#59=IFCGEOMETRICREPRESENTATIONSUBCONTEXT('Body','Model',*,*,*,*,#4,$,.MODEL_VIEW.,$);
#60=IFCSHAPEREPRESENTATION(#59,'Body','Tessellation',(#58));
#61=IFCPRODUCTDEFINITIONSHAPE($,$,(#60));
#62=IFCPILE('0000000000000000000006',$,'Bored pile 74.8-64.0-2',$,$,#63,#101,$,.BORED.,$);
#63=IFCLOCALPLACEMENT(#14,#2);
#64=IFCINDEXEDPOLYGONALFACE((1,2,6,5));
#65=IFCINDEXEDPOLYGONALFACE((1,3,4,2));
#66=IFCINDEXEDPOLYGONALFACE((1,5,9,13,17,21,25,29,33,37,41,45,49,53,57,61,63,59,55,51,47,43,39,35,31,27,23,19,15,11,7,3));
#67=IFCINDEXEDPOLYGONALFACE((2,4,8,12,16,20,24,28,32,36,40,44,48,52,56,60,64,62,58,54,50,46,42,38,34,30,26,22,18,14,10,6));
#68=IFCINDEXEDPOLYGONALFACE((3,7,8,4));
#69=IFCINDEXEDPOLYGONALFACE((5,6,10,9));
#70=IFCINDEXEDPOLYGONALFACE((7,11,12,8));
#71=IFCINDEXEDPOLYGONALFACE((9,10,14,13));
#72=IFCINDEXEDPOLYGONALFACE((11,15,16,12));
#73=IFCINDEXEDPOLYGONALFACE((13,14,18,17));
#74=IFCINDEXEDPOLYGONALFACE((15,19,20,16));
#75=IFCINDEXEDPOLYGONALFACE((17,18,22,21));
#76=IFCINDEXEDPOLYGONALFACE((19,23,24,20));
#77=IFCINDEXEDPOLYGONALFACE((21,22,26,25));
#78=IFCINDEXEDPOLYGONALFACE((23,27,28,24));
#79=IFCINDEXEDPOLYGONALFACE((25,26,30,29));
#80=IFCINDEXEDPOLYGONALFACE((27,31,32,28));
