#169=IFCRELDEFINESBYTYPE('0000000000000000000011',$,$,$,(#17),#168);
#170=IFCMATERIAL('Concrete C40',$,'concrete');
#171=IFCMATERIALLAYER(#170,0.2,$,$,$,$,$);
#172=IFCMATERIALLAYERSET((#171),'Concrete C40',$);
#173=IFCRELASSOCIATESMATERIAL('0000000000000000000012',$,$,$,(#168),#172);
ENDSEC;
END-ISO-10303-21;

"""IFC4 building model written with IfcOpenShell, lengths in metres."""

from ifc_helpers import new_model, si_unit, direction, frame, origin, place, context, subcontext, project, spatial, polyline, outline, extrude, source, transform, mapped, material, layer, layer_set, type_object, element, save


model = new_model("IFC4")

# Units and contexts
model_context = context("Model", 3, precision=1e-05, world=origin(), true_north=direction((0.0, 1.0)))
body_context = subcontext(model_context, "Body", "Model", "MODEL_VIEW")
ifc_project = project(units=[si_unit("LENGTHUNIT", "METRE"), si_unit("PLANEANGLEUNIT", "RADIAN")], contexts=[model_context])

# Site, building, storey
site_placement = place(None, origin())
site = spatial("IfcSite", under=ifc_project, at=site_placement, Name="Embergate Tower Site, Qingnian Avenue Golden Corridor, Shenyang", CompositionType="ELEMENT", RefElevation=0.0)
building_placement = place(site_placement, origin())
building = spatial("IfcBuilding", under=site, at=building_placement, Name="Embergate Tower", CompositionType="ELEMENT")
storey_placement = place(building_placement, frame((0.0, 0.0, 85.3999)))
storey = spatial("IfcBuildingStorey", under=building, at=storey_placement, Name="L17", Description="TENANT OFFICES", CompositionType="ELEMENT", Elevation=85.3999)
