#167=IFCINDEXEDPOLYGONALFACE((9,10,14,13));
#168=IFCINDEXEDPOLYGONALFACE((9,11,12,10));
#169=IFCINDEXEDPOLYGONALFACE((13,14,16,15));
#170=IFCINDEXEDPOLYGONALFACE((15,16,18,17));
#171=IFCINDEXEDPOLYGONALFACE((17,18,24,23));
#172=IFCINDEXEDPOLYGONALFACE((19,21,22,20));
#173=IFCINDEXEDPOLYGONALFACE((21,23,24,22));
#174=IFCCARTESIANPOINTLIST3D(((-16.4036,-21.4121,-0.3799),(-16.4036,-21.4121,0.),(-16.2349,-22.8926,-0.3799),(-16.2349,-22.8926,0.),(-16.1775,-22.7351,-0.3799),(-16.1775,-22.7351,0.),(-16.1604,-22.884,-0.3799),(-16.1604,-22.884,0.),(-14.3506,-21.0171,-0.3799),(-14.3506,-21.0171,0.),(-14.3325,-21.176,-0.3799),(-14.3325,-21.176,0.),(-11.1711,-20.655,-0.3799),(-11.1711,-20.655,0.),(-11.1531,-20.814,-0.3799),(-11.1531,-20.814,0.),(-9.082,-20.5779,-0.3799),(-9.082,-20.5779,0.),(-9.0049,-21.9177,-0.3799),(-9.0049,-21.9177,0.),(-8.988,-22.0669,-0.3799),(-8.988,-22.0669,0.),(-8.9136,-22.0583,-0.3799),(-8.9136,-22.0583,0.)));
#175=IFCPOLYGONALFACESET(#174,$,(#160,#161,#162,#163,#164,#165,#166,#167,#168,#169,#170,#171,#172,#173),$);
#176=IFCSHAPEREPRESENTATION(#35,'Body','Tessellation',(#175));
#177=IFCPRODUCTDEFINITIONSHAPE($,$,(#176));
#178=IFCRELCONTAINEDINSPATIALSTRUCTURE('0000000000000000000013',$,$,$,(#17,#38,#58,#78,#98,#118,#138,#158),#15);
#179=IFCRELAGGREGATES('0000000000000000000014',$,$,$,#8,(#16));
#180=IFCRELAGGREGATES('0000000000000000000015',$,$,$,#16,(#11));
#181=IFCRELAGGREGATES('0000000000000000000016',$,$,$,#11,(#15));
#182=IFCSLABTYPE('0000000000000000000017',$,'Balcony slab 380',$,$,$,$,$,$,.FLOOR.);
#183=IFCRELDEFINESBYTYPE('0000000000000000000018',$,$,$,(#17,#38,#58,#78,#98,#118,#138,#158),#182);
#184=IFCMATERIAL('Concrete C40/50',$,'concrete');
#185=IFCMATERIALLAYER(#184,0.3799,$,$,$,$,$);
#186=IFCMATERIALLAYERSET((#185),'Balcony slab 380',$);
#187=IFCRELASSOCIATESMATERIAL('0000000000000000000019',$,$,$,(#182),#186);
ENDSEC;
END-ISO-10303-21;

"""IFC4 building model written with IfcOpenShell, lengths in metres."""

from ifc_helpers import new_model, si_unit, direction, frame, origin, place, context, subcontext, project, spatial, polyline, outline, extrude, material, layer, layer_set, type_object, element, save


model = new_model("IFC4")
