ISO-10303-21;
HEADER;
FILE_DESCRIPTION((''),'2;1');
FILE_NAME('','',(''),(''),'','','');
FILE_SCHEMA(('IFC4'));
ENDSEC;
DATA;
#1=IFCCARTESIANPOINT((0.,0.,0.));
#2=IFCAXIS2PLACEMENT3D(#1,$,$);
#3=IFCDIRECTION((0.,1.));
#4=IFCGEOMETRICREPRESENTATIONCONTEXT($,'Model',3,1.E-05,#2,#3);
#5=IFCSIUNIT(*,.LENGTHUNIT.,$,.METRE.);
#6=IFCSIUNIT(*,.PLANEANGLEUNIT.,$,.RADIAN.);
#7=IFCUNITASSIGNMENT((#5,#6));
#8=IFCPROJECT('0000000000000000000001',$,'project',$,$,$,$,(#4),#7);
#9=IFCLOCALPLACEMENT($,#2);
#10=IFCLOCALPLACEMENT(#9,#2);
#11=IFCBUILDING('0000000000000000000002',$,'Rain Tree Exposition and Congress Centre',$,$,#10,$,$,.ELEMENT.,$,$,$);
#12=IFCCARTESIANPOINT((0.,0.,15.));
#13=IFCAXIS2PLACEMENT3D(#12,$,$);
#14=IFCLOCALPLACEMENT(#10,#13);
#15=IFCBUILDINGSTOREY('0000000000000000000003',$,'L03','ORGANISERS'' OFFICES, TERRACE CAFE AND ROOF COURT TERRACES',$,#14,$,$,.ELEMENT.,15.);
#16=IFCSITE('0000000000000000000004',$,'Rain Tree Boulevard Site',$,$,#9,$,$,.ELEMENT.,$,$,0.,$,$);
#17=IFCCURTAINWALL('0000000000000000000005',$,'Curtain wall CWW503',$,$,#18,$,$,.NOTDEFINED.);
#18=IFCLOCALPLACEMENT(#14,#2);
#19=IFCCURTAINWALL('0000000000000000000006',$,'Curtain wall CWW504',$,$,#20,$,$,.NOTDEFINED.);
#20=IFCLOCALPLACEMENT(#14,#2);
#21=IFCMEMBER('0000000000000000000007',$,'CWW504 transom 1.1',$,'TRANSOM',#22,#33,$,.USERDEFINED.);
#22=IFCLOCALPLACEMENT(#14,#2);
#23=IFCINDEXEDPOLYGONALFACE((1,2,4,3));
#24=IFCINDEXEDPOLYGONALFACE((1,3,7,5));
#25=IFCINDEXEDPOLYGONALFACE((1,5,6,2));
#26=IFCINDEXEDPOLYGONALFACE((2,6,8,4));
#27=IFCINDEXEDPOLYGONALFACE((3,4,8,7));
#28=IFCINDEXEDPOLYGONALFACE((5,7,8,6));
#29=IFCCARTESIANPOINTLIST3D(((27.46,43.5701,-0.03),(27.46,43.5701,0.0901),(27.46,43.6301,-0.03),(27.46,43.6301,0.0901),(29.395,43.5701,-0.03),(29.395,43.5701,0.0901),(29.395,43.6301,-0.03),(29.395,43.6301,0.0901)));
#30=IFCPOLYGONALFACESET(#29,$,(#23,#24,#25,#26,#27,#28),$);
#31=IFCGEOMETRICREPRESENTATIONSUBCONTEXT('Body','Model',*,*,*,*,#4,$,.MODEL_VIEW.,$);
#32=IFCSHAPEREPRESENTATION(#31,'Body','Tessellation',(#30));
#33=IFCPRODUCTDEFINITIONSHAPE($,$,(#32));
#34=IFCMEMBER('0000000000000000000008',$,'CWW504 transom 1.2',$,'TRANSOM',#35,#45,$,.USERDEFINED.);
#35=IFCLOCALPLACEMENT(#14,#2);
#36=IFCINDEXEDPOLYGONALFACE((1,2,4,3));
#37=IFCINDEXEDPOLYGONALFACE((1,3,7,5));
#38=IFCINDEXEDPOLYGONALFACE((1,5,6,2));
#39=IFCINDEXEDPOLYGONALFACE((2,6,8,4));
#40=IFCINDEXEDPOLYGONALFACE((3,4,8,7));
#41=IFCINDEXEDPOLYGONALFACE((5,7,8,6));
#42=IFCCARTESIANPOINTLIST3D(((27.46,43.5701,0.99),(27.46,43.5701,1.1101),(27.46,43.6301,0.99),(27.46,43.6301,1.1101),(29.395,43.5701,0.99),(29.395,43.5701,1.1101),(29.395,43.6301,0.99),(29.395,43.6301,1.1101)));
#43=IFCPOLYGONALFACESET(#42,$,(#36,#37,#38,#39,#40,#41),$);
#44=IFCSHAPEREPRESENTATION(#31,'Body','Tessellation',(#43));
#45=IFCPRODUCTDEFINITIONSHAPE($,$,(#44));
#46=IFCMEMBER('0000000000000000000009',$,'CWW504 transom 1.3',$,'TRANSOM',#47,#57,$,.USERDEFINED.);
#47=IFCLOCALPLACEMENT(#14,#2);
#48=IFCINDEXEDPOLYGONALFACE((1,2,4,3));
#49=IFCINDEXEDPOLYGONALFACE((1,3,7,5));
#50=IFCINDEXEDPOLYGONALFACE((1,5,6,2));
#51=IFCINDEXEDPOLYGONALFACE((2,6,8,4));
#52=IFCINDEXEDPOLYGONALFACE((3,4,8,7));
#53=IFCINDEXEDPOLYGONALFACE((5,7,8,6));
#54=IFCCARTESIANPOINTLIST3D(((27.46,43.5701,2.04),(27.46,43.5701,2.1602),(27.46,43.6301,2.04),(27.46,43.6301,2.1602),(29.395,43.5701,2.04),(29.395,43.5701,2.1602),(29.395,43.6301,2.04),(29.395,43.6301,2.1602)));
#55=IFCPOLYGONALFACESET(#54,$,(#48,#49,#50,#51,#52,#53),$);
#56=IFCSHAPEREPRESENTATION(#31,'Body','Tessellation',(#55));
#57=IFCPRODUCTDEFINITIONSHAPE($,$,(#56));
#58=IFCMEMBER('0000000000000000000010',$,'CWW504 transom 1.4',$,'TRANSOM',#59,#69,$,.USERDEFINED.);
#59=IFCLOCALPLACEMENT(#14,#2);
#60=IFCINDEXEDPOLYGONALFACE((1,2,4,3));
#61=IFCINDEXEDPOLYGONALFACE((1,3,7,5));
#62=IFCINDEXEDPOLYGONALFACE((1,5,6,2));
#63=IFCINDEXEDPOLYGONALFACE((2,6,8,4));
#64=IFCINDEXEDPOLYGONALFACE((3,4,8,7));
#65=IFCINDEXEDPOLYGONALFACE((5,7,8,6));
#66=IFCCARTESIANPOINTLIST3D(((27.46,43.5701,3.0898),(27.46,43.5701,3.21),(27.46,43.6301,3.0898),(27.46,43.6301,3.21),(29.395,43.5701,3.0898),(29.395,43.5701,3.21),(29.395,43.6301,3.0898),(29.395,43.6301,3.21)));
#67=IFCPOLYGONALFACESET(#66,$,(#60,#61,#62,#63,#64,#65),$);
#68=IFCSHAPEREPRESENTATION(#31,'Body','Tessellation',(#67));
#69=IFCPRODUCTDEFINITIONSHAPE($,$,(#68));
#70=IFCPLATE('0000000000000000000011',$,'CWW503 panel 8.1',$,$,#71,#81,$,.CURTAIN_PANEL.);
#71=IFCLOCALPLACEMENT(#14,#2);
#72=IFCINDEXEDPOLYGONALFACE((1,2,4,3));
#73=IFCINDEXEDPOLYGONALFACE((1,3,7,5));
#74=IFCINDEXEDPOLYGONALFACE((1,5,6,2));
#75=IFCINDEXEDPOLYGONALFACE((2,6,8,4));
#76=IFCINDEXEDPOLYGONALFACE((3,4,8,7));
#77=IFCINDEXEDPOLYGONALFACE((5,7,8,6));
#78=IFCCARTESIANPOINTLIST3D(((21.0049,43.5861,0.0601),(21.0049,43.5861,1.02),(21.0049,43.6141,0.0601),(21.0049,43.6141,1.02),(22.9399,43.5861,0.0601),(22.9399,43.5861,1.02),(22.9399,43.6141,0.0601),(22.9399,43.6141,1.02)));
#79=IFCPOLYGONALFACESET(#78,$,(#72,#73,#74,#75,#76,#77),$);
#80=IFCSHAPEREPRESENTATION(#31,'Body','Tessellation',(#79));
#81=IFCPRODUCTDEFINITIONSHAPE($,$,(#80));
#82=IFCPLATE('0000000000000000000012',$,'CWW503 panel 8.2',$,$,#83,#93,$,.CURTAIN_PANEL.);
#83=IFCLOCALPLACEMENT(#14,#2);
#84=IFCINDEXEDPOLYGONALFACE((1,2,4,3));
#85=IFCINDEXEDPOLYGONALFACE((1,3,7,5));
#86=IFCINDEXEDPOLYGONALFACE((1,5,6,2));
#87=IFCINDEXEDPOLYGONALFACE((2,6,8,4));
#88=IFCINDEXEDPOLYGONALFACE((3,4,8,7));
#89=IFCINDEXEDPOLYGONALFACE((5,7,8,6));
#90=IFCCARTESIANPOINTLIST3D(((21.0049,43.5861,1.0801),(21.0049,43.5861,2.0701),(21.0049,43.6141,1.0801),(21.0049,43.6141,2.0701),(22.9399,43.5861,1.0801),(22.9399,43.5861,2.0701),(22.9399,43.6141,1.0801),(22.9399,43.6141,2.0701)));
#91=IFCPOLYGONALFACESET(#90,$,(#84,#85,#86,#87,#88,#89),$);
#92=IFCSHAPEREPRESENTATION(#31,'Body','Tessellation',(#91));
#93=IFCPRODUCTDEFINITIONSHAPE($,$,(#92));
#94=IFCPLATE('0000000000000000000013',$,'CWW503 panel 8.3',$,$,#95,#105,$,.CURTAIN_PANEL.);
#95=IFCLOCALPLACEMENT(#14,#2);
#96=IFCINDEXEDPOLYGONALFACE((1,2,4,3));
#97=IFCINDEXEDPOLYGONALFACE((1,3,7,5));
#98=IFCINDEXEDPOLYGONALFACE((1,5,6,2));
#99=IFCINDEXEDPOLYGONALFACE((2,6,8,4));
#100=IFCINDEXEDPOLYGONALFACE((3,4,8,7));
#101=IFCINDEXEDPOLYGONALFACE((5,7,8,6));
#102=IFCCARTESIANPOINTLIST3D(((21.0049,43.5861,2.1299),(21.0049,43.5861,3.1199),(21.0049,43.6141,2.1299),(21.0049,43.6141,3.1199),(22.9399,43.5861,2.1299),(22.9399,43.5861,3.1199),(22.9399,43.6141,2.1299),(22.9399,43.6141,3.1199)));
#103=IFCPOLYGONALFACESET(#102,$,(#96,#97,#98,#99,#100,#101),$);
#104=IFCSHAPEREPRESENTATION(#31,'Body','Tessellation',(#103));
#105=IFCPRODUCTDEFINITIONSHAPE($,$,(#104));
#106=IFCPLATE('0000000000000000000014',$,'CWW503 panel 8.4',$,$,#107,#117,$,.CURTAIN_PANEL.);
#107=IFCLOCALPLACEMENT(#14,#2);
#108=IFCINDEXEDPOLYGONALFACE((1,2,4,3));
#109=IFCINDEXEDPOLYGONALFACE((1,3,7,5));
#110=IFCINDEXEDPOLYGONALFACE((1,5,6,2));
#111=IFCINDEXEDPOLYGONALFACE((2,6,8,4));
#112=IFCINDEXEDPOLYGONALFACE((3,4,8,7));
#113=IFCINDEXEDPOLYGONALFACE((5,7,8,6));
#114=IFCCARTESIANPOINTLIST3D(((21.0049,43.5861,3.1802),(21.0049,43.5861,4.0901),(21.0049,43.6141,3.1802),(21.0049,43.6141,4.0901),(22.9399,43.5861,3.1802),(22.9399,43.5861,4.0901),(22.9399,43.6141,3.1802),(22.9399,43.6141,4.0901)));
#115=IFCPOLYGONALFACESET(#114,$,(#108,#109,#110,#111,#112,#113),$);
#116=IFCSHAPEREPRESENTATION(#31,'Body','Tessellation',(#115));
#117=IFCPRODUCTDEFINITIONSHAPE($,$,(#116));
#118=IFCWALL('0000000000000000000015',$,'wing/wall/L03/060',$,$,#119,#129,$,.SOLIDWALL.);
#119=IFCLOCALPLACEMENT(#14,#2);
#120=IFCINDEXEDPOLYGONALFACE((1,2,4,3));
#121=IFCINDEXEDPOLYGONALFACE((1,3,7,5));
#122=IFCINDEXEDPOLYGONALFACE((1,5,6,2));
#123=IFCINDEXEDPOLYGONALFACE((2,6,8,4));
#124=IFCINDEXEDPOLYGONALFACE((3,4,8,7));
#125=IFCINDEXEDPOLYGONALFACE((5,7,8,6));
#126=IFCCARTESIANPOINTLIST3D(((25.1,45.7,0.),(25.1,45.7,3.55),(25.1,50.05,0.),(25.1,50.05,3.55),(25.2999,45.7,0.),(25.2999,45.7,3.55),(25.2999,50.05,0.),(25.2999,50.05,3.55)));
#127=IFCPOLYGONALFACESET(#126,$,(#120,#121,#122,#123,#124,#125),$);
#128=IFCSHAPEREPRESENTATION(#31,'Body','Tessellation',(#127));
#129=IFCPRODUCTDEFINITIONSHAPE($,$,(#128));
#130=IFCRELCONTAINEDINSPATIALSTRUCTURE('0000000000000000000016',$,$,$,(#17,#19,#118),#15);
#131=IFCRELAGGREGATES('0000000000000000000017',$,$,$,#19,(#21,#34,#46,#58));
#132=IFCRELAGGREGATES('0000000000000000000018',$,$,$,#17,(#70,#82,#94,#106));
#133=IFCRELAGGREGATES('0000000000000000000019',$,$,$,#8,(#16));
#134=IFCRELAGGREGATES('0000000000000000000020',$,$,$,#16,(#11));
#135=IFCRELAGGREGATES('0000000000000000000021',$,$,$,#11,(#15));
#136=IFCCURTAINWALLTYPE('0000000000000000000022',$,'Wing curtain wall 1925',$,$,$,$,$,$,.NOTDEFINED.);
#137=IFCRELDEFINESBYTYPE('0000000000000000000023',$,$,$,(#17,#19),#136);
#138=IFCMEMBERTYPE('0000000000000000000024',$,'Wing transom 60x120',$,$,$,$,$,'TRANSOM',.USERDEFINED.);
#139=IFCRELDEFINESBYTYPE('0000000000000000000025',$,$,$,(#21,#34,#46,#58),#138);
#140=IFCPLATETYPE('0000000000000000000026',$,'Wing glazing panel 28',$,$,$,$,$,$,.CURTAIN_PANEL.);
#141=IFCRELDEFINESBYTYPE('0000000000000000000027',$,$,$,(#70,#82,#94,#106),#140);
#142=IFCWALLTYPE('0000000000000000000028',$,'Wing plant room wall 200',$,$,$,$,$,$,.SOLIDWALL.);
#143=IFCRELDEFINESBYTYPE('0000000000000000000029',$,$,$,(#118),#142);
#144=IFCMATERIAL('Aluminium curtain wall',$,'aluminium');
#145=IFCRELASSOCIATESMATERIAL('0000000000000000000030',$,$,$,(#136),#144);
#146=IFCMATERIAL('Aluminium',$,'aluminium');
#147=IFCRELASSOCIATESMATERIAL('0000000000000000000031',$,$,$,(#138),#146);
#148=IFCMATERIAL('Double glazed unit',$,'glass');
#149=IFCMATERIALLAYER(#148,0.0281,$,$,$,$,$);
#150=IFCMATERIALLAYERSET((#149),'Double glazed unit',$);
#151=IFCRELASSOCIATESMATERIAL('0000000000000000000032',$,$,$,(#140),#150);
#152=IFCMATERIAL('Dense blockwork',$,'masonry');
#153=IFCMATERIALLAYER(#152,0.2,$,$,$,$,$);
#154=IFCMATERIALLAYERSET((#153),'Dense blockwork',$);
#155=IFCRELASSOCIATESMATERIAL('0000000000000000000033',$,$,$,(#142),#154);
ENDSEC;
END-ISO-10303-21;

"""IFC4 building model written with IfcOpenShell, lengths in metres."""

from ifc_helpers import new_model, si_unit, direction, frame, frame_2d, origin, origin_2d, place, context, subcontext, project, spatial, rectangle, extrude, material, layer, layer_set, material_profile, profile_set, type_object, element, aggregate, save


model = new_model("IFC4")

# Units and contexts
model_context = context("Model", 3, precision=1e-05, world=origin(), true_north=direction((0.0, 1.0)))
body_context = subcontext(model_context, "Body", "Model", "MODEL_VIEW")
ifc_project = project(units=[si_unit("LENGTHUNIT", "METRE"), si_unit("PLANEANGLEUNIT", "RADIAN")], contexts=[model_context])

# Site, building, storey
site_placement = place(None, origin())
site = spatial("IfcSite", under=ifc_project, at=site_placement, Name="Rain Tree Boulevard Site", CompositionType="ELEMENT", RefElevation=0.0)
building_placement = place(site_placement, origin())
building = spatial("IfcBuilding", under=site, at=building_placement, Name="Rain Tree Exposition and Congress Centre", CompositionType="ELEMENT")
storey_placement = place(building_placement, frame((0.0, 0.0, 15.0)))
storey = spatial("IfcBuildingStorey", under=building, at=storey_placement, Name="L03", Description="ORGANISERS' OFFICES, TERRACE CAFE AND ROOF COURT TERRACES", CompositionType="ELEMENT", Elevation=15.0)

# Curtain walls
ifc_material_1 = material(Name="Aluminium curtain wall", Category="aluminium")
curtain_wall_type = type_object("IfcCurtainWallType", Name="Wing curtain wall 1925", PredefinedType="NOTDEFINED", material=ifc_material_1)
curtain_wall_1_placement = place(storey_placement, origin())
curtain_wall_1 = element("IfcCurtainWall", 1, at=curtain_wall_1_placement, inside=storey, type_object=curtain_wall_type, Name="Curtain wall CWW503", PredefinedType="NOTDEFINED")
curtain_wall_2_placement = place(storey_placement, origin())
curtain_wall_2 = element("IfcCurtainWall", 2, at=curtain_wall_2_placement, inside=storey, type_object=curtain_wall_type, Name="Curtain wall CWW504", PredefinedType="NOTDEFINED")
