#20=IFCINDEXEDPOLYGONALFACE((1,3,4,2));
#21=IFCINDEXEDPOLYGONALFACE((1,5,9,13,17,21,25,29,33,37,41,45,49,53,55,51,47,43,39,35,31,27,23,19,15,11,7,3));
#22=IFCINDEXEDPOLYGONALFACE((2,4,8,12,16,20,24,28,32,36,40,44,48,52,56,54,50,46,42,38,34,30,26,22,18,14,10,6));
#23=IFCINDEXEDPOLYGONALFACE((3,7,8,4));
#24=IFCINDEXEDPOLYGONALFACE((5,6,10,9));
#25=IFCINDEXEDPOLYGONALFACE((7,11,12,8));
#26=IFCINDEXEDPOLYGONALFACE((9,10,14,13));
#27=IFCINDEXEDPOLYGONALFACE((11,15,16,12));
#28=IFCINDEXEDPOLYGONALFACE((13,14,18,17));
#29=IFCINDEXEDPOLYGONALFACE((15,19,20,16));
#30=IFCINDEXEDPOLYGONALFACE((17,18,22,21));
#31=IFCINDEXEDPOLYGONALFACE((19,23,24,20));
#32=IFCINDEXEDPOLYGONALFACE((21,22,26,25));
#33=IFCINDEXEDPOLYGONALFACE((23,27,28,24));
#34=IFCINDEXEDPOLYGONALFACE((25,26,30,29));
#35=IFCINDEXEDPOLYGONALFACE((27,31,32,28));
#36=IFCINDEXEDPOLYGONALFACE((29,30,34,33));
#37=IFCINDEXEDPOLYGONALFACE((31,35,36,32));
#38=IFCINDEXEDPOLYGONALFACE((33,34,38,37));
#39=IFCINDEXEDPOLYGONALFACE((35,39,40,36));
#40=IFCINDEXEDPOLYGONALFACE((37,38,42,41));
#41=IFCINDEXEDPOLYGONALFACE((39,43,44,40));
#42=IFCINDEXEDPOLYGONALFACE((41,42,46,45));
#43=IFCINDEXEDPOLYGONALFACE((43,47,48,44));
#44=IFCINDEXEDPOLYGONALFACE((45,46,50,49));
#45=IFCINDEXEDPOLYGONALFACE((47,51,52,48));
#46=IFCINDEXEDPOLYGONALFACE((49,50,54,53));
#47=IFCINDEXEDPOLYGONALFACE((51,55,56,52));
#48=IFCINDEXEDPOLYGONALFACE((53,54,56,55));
::::
• _What you are asked to do_:
Could you transcribe the entries above word for word, from the line with "FILE_NAME('','',(''),(''),'','','');" down to the line with "#5=IFCSIUNIT(*,.LENGTHUNIT.,$,.METRE.);", keeping both?

• _Task answer_:
FILE_NAME('','',(''),(''),'','','');
FILE_SCHEMA(('IFC4'));
ENDSEC;
DATA;
#1=IFCCARTESIANPOINT((0.,0.,0.));
#2=IFCAXIS2PLACEMENT3D(#1,$,$);
#3=IFCDIRECTION((0.,1.));
#4=IFCGEOMETRICREPRESENTATIONCONTEXT($,'Model',3,1.E-05,#2,#3);
#5=IFCSIUNIT(*,.LENGTHUNIT.,$,.METRE.);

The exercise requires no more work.